Supplied records -
========

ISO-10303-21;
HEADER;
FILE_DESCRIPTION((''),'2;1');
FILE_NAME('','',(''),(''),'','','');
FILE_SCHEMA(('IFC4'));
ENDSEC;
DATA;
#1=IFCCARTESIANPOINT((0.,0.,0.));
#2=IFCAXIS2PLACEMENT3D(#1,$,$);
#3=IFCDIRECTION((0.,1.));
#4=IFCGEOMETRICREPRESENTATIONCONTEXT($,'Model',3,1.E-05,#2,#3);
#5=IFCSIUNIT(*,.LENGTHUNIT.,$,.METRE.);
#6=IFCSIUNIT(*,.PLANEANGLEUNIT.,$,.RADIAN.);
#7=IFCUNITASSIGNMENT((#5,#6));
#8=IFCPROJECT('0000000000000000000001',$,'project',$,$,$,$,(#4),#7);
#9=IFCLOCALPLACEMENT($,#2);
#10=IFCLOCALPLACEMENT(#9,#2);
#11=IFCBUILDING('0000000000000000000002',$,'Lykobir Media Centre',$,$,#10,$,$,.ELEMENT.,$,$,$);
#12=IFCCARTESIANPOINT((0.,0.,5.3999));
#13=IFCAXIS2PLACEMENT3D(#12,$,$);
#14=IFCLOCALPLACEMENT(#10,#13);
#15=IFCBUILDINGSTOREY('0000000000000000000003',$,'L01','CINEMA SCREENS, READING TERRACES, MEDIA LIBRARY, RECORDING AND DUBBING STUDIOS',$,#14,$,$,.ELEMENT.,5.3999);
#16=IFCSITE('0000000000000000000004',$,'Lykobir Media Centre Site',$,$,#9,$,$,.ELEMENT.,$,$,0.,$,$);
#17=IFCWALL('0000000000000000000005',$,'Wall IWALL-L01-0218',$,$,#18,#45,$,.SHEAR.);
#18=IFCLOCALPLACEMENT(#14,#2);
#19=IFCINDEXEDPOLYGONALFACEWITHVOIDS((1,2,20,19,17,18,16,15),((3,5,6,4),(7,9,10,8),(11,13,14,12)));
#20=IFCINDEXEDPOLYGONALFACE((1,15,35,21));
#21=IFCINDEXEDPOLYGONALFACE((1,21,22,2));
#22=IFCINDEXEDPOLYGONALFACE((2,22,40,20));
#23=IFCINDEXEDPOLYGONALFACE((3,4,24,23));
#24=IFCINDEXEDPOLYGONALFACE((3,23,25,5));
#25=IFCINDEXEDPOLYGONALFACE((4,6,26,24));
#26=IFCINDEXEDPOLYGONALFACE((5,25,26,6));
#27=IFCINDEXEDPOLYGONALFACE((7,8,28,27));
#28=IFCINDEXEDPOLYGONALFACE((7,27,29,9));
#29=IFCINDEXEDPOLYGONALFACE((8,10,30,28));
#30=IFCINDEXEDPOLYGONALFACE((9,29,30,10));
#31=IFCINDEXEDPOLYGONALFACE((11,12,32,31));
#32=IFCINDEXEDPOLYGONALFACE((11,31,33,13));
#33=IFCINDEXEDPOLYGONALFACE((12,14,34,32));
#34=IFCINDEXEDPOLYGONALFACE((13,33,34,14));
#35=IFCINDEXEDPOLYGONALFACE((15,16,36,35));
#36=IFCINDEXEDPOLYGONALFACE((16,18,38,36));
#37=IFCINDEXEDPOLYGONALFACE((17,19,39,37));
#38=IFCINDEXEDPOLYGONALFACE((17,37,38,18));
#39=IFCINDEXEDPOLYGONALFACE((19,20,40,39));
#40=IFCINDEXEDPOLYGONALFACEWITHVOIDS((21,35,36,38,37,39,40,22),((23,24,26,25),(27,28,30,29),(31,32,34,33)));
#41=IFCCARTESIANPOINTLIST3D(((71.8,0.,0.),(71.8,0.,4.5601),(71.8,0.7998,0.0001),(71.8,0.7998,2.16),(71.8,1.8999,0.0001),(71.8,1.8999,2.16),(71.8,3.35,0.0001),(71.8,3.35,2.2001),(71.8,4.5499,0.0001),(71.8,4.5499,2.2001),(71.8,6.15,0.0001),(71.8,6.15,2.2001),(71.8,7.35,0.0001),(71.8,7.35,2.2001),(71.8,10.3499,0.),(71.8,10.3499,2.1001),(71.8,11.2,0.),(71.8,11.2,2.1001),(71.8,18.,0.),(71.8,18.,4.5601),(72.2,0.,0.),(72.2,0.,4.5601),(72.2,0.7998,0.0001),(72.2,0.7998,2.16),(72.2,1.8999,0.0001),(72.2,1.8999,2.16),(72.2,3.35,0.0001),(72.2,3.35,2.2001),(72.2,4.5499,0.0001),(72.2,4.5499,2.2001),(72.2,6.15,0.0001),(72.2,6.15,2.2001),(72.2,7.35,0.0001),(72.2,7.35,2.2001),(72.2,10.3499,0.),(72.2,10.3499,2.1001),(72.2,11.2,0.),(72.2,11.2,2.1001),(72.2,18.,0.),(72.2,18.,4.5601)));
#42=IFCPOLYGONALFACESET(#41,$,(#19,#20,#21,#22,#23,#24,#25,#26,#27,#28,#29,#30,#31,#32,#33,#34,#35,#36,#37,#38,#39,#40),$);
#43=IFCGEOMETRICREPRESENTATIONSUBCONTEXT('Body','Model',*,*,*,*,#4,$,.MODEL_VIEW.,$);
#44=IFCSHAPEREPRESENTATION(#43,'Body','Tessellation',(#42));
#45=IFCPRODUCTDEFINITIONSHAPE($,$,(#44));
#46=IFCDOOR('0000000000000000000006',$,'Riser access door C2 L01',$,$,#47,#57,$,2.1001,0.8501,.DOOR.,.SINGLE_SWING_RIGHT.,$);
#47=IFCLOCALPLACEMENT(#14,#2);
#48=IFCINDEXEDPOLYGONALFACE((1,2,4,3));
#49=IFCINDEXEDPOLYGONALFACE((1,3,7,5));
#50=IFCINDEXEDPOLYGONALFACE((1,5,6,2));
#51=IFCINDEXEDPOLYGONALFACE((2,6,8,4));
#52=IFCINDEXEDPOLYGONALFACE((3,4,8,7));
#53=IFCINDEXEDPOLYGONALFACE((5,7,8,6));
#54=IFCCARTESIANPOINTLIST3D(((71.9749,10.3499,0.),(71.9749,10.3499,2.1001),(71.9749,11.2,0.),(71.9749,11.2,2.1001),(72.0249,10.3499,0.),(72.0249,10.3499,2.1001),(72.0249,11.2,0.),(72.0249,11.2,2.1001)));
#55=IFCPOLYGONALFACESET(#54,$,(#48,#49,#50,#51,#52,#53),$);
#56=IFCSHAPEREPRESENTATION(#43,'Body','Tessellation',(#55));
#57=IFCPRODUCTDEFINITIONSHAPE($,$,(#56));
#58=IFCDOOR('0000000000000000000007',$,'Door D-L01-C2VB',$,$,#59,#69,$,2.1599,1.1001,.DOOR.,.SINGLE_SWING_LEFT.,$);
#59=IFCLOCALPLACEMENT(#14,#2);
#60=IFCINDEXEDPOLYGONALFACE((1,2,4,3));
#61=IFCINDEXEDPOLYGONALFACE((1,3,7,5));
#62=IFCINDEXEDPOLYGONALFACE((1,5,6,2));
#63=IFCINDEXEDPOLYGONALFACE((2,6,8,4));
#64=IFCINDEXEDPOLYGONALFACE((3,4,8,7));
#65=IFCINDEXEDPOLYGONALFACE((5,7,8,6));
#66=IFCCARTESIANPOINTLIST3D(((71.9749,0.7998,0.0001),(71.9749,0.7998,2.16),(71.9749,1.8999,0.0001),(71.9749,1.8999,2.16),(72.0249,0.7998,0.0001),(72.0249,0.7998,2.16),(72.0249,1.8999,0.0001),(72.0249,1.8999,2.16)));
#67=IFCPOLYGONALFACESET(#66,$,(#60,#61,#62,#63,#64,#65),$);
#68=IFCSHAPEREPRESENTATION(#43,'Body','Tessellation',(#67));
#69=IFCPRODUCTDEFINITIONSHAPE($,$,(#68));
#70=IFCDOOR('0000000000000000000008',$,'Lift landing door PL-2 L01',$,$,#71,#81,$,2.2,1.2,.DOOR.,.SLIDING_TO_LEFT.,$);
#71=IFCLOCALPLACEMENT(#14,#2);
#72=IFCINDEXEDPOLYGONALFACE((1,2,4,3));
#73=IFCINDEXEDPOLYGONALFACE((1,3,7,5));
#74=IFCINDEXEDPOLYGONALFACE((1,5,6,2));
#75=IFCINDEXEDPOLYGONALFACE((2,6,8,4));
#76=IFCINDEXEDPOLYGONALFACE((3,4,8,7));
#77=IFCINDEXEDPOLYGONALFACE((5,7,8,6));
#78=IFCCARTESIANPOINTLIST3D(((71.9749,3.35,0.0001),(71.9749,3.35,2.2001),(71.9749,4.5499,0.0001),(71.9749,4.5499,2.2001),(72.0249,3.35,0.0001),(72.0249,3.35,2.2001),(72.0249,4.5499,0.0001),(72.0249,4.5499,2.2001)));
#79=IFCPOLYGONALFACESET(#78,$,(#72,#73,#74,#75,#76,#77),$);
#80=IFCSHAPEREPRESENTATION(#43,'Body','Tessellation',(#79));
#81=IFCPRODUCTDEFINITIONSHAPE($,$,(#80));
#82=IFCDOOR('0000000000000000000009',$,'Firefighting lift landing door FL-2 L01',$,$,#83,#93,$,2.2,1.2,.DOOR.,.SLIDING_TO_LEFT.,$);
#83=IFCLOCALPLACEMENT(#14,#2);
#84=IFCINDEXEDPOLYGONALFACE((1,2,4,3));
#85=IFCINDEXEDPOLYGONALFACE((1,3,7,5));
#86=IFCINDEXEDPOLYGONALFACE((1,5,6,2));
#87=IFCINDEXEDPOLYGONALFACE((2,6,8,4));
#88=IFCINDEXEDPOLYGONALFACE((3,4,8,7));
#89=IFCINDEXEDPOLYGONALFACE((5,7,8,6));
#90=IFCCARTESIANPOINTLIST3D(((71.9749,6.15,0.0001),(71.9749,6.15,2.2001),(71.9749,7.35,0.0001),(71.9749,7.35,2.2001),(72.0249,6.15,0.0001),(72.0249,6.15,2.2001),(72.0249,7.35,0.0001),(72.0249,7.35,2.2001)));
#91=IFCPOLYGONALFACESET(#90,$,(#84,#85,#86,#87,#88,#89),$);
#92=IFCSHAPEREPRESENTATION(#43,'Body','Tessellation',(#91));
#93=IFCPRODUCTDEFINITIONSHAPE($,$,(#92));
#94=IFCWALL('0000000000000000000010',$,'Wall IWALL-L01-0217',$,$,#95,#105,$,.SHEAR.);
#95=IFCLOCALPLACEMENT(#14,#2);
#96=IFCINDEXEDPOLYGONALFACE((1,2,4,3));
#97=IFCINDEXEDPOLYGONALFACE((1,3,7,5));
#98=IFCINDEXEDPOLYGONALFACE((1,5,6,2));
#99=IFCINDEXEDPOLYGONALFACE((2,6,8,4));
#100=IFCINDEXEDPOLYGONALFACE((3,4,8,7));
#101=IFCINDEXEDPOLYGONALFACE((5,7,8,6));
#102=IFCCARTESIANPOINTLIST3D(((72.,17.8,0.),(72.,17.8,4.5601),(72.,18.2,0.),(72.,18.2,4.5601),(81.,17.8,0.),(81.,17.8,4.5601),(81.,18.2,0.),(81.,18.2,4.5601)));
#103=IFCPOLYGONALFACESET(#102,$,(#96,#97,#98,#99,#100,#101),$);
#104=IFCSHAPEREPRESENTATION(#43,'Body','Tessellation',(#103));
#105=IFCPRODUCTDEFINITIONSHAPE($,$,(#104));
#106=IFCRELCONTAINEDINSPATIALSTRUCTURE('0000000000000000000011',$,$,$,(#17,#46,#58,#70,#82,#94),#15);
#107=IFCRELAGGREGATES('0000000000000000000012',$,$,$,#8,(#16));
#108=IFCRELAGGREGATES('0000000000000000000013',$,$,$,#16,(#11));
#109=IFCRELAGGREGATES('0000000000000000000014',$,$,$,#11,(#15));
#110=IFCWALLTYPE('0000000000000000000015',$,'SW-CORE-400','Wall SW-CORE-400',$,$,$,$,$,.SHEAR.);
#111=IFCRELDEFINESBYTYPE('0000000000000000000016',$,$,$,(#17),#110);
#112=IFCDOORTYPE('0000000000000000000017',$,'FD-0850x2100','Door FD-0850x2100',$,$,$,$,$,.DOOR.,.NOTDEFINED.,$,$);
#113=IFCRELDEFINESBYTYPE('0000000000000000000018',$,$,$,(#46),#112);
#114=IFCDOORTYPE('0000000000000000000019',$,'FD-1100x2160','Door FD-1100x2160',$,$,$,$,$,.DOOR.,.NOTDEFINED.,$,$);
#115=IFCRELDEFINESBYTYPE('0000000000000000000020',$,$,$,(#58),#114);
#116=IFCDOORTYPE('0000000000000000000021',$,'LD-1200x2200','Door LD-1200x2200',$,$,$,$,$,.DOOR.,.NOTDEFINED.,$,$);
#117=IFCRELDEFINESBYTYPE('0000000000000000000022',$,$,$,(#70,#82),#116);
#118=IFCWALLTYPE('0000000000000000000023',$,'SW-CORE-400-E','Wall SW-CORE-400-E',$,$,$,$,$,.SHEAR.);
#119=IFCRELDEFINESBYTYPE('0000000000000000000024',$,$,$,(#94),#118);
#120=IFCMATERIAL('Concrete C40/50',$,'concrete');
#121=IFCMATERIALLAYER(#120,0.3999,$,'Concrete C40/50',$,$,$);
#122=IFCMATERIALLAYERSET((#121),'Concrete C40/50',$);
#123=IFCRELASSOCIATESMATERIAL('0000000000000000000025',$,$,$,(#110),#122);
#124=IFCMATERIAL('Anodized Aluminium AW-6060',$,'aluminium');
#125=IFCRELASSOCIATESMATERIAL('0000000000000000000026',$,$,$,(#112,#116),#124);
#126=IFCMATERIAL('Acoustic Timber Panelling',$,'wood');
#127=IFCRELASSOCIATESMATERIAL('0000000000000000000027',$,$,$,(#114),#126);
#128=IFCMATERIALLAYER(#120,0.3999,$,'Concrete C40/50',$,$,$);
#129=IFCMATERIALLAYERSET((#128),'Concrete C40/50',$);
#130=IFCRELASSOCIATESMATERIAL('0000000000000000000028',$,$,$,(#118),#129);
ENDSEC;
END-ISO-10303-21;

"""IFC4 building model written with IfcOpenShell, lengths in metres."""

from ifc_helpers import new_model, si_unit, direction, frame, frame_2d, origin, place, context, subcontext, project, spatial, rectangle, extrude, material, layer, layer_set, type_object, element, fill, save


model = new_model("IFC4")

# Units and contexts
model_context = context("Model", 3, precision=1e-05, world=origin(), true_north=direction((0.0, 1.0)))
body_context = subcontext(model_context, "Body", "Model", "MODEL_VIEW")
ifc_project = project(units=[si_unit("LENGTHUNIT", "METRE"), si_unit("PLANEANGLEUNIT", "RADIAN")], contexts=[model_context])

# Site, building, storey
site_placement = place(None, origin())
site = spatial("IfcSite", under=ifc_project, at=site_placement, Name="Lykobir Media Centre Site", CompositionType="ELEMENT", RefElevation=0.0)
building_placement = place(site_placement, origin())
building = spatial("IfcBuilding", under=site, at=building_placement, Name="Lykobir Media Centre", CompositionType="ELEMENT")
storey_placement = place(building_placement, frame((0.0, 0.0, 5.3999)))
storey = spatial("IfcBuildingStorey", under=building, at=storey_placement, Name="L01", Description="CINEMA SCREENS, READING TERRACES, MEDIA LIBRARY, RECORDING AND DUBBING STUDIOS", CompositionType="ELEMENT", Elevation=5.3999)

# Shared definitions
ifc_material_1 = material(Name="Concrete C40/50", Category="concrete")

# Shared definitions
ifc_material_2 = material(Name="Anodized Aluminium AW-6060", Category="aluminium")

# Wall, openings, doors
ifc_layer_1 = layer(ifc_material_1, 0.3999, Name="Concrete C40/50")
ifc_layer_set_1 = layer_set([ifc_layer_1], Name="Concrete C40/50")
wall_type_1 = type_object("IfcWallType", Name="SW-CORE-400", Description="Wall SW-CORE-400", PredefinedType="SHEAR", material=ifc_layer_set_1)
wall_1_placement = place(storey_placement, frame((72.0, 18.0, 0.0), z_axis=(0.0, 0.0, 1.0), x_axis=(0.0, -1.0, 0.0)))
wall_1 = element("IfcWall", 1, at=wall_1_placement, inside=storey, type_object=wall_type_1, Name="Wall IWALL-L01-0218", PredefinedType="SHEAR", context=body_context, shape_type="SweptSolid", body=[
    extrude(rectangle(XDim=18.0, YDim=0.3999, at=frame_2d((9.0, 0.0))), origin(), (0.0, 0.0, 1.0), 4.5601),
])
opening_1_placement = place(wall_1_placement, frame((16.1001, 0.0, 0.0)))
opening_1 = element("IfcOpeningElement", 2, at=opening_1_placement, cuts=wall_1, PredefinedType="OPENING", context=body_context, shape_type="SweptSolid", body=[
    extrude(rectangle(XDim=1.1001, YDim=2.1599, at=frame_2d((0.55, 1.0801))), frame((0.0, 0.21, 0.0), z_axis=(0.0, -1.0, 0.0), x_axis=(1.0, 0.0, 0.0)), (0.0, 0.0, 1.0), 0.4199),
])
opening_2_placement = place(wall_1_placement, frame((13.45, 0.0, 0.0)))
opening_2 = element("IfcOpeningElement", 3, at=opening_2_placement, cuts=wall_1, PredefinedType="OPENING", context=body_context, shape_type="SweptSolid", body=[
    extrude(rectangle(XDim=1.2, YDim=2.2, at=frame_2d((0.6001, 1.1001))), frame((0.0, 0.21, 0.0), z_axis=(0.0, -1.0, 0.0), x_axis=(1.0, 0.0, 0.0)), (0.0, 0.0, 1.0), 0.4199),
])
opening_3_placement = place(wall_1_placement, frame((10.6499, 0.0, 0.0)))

========

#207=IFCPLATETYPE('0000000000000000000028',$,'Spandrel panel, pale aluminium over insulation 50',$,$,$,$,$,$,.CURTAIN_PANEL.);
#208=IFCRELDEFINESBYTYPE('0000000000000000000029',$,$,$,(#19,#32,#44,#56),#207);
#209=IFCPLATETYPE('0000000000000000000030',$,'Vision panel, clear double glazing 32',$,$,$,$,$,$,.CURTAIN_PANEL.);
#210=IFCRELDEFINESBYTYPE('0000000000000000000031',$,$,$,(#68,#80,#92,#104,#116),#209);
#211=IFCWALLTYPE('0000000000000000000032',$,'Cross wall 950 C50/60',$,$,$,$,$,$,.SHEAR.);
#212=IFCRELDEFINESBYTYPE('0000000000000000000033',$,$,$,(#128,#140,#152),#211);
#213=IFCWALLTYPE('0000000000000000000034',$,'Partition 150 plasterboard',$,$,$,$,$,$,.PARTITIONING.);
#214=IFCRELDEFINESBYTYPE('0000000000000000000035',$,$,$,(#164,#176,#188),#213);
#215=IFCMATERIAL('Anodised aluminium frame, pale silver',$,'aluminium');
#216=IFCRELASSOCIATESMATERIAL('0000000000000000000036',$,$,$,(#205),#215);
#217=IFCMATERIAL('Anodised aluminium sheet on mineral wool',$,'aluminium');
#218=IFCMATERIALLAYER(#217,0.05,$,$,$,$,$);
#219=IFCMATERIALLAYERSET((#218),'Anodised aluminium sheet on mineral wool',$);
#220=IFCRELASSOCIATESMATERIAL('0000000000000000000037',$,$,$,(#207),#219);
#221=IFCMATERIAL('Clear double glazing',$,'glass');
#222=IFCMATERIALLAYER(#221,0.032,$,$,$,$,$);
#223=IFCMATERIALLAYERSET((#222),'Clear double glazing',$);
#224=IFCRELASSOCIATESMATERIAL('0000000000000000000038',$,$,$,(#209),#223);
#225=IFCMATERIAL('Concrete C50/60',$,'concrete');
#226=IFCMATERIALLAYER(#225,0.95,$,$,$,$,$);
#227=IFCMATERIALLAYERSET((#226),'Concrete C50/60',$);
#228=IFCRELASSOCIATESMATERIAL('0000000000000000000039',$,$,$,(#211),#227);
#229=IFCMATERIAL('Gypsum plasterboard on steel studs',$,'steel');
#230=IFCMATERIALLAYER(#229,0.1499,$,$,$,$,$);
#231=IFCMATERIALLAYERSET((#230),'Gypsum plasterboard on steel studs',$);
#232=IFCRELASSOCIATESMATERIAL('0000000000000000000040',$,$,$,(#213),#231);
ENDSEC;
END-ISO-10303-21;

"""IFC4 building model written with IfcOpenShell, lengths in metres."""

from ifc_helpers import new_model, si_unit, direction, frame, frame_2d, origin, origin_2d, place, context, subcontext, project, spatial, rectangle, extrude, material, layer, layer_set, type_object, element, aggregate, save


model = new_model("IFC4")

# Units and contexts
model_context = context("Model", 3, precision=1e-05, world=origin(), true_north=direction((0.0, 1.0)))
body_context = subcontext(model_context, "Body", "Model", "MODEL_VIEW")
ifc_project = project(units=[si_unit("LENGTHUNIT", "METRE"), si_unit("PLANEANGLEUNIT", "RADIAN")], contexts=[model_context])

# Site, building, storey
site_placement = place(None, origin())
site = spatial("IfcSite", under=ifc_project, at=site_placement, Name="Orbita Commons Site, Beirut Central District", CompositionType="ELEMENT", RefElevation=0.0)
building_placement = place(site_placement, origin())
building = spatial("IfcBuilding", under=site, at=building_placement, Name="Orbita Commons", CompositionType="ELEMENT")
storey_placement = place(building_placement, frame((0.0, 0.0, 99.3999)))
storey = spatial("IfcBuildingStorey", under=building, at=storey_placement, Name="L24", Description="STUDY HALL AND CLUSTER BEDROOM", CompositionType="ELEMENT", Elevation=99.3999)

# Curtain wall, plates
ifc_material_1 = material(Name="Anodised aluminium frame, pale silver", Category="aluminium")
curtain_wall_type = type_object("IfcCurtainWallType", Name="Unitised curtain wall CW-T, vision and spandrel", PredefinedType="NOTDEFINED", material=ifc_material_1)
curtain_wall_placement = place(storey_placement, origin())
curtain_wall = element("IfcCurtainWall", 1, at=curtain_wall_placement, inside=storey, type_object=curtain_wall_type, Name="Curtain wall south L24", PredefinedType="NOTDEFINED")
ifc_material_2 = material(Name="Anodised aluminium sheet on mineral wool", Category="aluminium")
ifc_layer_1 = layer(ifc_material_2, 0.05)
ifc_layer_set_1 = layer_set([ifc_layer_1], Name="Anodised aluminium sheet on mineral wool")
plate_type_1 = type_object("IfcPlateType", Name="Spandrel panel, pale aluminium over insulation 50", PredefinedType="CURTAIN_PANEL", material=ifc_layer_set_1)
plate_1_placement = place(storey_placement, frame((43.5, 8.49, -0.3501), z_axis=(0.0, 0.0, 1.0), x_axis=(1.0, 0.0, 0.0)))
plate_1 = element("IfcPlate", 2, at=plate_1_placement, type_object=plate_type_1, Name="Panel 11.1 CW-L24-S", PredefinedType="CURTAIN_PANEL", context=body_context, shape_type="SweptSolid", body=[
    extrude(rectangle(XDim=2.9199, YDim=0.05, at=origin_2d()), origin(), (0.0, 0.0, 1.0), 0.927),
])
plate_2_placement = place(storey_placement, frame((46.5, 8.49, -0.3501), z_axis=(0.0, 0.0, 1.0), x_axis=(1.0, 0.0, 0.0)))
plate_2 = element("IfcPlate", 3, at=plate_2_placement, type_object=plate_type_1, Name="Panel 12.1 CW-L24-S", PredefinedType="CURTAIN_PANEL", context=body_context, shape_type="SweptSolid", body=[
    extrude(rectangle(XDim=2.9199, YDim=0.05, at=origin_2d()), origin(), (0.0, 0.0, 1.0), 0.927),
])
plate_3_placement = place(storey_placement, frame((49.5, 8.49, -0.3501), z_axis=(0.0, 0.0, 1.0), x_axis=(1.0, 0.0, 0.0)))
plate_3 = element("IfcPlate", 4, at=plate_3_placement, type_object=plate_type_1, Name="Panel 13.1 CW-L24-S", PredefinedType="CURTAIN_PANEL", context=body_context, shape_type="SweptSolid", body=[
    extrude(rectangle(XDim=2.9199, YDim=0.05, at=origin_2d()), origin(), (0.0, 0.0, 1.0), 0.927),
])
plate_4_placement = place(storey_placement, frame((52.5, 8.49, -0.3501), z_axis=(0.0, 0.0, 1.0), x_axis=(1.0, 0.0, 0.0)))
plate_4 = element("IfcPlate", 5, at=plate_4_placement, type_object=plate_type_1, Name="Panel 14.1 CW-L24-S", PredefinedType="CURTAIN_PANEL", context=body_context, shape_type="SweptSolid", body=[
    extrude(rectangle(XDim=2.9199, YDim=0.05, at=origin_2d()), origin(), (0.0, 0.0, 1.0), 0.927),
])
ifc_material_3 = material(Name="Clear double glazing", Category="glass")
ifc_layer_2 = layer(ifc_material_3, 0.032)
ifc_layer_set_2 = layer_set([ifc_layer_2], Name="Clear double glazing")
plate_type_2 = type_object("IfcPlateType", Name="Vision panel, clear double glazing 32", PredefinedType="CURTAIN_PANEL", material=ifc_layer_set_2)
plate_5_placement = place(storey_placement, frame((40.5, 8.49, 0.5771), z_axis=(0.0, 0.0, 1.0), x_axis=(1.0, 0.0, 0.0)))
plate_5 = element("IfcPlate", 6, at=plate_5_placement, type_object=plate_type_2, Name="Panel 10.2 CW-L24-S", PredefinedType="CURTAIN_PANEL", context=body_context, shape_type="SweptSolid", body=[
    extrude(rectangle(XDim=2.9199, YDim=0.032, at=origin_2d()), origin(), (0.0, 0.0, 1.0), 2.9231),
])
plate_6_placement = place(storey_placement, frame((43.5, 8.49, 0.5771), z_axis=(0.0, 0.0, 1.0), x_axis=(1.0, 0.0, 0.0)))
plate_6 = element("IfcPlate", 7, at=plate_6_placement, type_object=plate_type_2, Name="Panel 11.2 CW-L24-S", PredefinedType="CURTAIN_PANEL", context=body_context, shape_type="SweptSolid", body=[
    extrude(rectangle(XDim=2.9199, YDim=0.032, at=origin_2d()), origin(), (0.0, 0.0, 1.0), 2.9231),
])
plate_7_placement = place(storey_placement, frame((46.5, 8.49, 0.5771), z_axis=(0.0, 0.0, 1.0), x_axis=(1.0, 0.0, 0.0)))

========

What to do -
Where the listing above has a line with "#101=IFCINDEXEDPOLYGONALFACE((5,7,8,6));", start there, and output every line exactly through the line with "#129=IFCMATERIALLAYERSET((#128),'Concrete C40/50',$);", which is also included.

Task output -
#101=IFCINDEXEDPOLYGONALFACE((5,7,8,6));
#102=IFCCARTESIANPOINTLIST3D(((72.,17.8,0.),(72.,17.8,4.5601),(72.,18.2,0.),(72.,18.2,4.5601),(81.,17.8,0.),(81.,17.8,4.5601),(81.,18.2,0.),(81.,18.2,4.5601)));
#103=IFCPOLYGONALFACESET(#102,$,(#96,#97,#98,#99,#100,#101),$);
#104=IFCSHAPEREPRESENTATION(#43,'Body','Tessellation',(#103));
#105=IFCPRODUCTDEFINITIONSHAPE($,$,(#104));
#106=IFCRELCONTAINEDINSPATIALSTRUCTURE('0000000000000000000011',$,$,$,(#17,#46,#58,#70,#82,#94),#15);
#107=IFCRELAGGREGATES('0000000000000000000012',$,$,$,#8,(#16));
#108=IFCRELAGGREGATES('0000000000000000000013',$,$,$,#16,(#11));
#109=IFCRELAGGREGATES('0000000000000000000014',$,$,$,#11,(#15));
#110=IFCWALLTYPE('0000000000000000000015',$,'SW-CORE-400','Wall SW-CORE-400',$,$,$,$,$,.SHEAR.);
#111=IFCRELDEFINESBYTYPE('0000000000000000000016',$,$,$,(#17),#110);
#112=IFCDOORTYPE('0000000000000000000017',$,'FD-0850x2100','Door FD-0850x2100',$,$,$,$,$,.DOOR.,.NOTDEFINED.,$,$);
#113=IFCRELDEFINESBYTYPE('0000000000000000000018',$,$,$,(#46),#112);
#114=IFCDOORTYPE('0000000000000000000019',$,'FD-1100x2160','Door FD-1100x2160',$,$,$,$,$,.DOOR.,.NOTDEFINED.,$,$);
#115=IFCRELDEFINESBYTYPE('0000000000000000000020',$,$,$,(#58),#114);
#116=IFCDOORTYPE('0000000000000000000021',$,'LD-1200x2200','Door LD-1200x2200',$,$,$,$,$,.DOOR.,.NOTDEFINED.,$,$);
#117=IFCRELDEFINESBYTYPE('0000000000000000000022',$,$,$,(#70,#82),#116);
#118=IFCWALLTYPE('0000000000000000000023',$,'SW-CORE-400-E','Wall SW-CORE-400-E',$,$,$,$,$,.SHEAR.);
#119=IFCRELDEFINESBYTYPE('0000000000000000000024',$,$,$,(#94),#118);
#120=IFCMATERIAL('Concrete C40/50',$,'concrete');
#121=IFCMATERIALLAYER(#120,0.3999,$,'Concrete C40/50',$,$,$);
#122=IFCMATERIALLAYERSET((#121),'Concrete C40/50',$);
#123=IFCRELASSOCIATESMATERIAL('0000000000000000000025',$,$,$,(#110),#122);
#124=IFCMATERIAL('Anodized Aluminium AW-6060',$,'aluminium');
#125=IFCRELASSOCIATESMATERIAL('0000000000000000000026',$,$,$,(#112,#116),#124);
#126=IFCMATERIAL('Acoustic Timber Panelling',$,'wood');
#127=IFCRELASSOCIATESMATERIAL('0000000000000000000027',$,$,$,(#114),#126);
#128=IFCMATERIALLAYER(#120,0.3999,$,'Concrete C40/50',$,$,$);
#129=IFCMATERIALLAYERSET((#128),'Concrete C40/50',$);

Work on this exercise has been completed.